Materials provided:
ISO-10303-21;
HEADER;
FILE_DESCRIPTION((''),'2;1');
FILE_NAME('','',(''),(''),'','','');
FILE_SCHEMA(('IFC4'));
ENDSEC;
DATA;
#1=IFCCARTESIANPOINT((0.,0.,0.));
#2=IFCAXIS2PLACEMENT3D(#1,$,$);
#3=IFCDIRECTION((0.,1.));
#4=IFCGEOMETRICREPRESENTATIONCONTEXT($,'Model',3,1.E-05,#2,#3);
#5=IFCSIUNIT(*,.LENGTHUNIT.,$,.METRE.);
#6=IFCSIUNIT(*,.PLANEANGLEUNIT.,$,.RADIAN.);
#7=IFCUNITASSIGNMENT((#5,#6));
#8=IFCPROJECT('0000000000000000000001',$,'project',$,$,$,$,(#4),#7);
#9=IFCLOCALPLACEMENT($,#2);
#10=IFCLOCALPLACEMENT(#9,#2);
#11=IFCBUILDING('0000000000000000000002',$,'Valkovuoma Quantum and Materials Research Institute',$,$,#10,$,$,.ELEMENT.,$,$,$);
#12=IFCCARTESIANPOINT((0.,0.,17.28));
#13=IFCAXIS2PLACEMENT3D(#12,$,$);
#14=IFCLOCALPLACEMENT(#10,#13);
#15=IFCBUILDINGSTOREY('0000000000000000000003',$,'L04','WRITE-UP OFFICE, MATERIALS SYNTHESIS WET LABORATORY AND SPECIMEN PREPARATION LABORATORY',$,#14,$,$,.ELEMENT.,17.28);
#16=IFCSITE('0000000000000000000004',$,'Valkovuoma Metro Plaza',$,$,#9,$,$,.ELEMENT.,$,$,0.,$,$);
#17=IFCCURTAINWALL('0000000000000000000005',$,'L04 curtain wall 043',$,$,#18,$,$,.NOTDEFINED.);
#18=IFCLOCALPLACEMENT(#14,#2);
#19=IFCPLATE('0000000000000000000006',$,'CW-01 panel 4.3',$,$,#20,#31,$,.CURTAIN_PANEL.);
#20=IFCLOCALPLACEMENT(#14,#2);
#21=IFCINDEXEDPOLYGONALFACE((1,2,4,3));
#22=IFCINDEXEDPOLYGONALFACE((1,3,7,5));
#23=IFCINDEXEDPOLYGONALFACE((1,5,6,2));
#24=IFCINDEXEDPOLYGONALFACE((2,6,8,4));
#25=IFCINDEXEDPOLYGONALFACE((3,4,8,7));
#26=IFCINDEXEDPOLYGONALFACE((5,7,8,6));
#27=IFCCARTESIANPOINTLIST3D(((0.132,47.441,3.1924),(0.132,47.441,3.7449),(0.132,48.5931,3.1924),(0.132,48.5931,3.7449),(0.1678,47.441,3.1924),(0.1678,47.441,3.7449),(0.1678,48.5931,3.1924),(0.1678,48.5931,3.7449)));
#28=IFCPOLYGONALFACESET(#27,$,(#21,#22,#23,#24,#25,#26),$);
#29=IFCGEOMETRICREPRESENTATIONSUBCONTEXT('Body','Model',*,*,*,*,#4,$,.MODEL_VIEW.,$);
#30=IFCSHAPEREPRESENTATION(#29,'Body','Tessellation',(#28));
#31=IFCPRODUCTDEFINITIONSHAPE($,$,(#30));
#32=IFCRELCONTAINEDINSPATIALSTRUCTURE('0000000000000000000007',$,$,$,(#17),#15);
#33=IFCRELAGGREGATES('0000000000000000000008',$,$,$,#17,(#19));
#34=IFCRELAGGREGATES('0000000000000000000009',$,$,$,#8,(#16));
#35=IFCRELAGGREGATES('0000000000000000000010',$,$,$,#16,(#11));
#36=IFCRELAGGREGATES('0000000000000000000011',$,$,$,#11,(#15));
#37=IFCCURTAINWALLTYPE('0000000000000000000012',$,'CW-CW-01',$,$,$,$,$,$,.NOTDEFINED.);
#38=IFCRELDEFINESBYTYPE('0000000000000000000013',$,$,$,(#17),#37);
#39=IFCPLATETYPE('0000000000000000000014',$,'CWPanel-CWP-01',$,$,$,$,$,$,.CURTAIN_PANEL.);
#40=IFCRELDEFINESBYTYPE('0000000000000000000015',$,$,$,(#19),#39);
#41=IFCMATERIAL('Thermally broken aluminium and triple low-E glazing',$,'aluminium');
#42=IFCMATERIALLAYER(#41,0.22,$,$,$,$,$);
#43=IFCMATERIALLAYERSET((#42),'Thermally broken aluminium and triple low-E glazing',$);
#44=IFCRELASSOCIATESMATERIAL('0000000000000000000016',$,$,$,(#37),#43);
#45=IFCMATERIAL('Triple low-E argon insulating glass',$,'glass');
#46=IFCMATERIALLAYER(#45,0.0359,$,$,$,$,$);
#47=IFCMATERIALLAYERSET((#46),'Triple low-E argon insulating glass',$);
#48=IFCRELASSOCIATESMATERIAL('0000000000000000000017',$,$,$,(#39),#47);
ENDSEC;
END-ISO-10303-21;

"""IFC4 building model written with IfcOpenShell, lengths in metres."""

from ifc_helpers import new_model, si_unit, direction, frame, origin, origin_2d, place, context, subcontext, project, spatial, rectangle, extrude, material, layer, layer_set, type_object, element, aggregate, save


model = new_model("IFC4")

# Units and contexts
model_context = context("Model", 3, precision=1e-05, world=origin(), true_north=direction((0.0, 1.0)))
body_context = subcontext(model_context, "Body", "Model", "MODEL_VIEW")
ifc_project = project(units=[si_unit("LENGTHUNIT", "METRE"), si_unit("PLANEANGLEUNIT", "RADIAN")], contexts=[model_context])

# Site, building, storey
site_placement = place(None, origin())
site = spatial("IfcSite", under=ifc_project, at=site_placement, Name="Valkovuoma Metro Plaza", CompositionType="ELEMENT", RefElevation=0.0)
building_placement = place(site_placement, origin())
building = spatial("IfcBuilding", under=site, at=building_placement, Name="Valkovuoma Quantum and Materials Research Institute", CompositionType="ELEMENT")
storey_placement = place(building_placement, frame((0.0, 0.0, 17.28)))
storey = spatial("IfcBuildingStorey", under=building, at=storey_placement, Name="L04", Description="WRITE-UP OFFICE, MATERIALS SYNTHESIS WET LABORATORY AND SPECIMEN PREPARATION LABORATORY", CompositionType="ELEMENT", Elevation=17.28)

# Curtain wall, plate
ifc_material_1 = material(Name="Thermally broken aluminium and triple low-E glazing", Category="aluminium")
ifc_layer_1 = layer(ifc_material_1, 0.22)
ifc_layer_set_1 = layer_set([ifc_layer_1], Name="Thermally broken aluminium and triple low-E glazing")
curtain_wall_type = type_object("IfcCurtainWallType", Name="CW-CW-01", PredefinedType="NOTDEFINED", material=ifc_layer_set_1)
curtain_wall_placement = place(storey_placement, origin())
curtain_wall = element("IfcCurtainWall", 1, at=curtain_wall_placement, inside=storey, type_object=curtain_wall_type, Name="L04 curtain wall 043", PredefinedType="NOTDEFINED")
ifc_material_2 = material(Name="Triple low-E argon insulating glass", Category="glass")
ifc_layer_2 = layer(ifc_material_2, 0.0359)
ifc_layer_set_2 = layer_set([ifc_layer_2], Name="Triple low-E argon insulating glass")
plate_type = type_object("IfcPlateType", Name="CWPanel-CWP-01", PredefinedType="CURTAIN_PANEL", material=ifc_layer_set_2)
plate_1_placement = place(storey_placement, frame((0.1499, 48.0171, 3.1924), z_axis=(0.0, 0.0, 1.0), x_axis=(0.0, 1.0, 0.0)))
plate_1 = element("IfcPlate", 2, at=plate_1_placement, type_object=plate_type, Name="CW-01 panel 4.3", PredefinedType="CURTAIN_PANEL", context=body_context, shape_type="SweptSolid", body=[
    extrude(rectangle(XDim=1.1521, YDim=0.0359, at=origin_2d()), origin(), (0.0, 0.0, 1.0), 0.5525),
])
aggregate(curtain_wall, [plate_1])

save(model, "model.ifc")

Work to be completed:
Starting with the first line of the listing above, copy each line exactly until you have copied the line containing "#18=IFCLOCALPLACEMENT(#14,#2);". Stop there.

Solution:
ISO-10303-21;
HEADER;
FILE_DESCRIPTION((''),'2;1');
FILE_NAME('','',(''),(''),'','','');
FILE_SCHEMA(('IFC4'));
ENDSEC;
DATA;
#1=IFCCARTESIANPOINT((0.,0.,0.));
#2=IFCAXIS2PLACEMENT3D(#1,$,$);
#3=IFCDIRECTION((0.,1.));
#4=IFCGEOMETRICREPRESENTATIONCONTEXT($,'Model',3,1.E-05,#2,#3);
#5=IFCSIUNIT(*,.LENGTHUNIT.,$,.METRE.);
#6=IFCSIUNIT(*,.PLANEANGLEUNIT.,$,.RADIAN.);
#7=IFCUNITASSIGNMENT((#5,#6));
#8=IFCPROJECT('0000000000000000000001',$,'project',$,$,$,$,(#4),#7);
#9=IFCLOCALPLACEMENT($,#2);
#10=IFCLOCALPLACEMENT(#9,#2);
#11=IFCBUILDING('0000000000000000000002',$,'Valkovuoma Quantum and Materials Research Institute',$,$,#10,$,$,.ELEMENT.,$,$,$);
#12=IFCCARTESIANPOINT((0.,0.,17.28));
#13=IFCAXIS2PLACEMENT3D(#12,$,$);
#14=IFCLOCALPLACEMENT(#10,#13);
#15=IFCBUILDINGSTOREY('0000000000000000000003',$,'L04','WRITE-UP OFFICE, MATERIALS SYNTHESIS WET LABORATORY AND SPECIMEN PREPARATION LABORATORY',$,#14,$,$,.ELEMENT.,17.28);
#16=IFCSITE('0000000000000000000004',$,'Valkovuoma Metro Plaza',$,$,#9,$,$,.ELEMENT.,$,$,0.,$,$);
#17=IFCCURTAINWALL('0000000000000000000005',$,'L04 curtain wall 043',$,$,#18,$,$,.NOTDEFINED.);
#18=IFCLOCALPLACEMENT(#14,#2);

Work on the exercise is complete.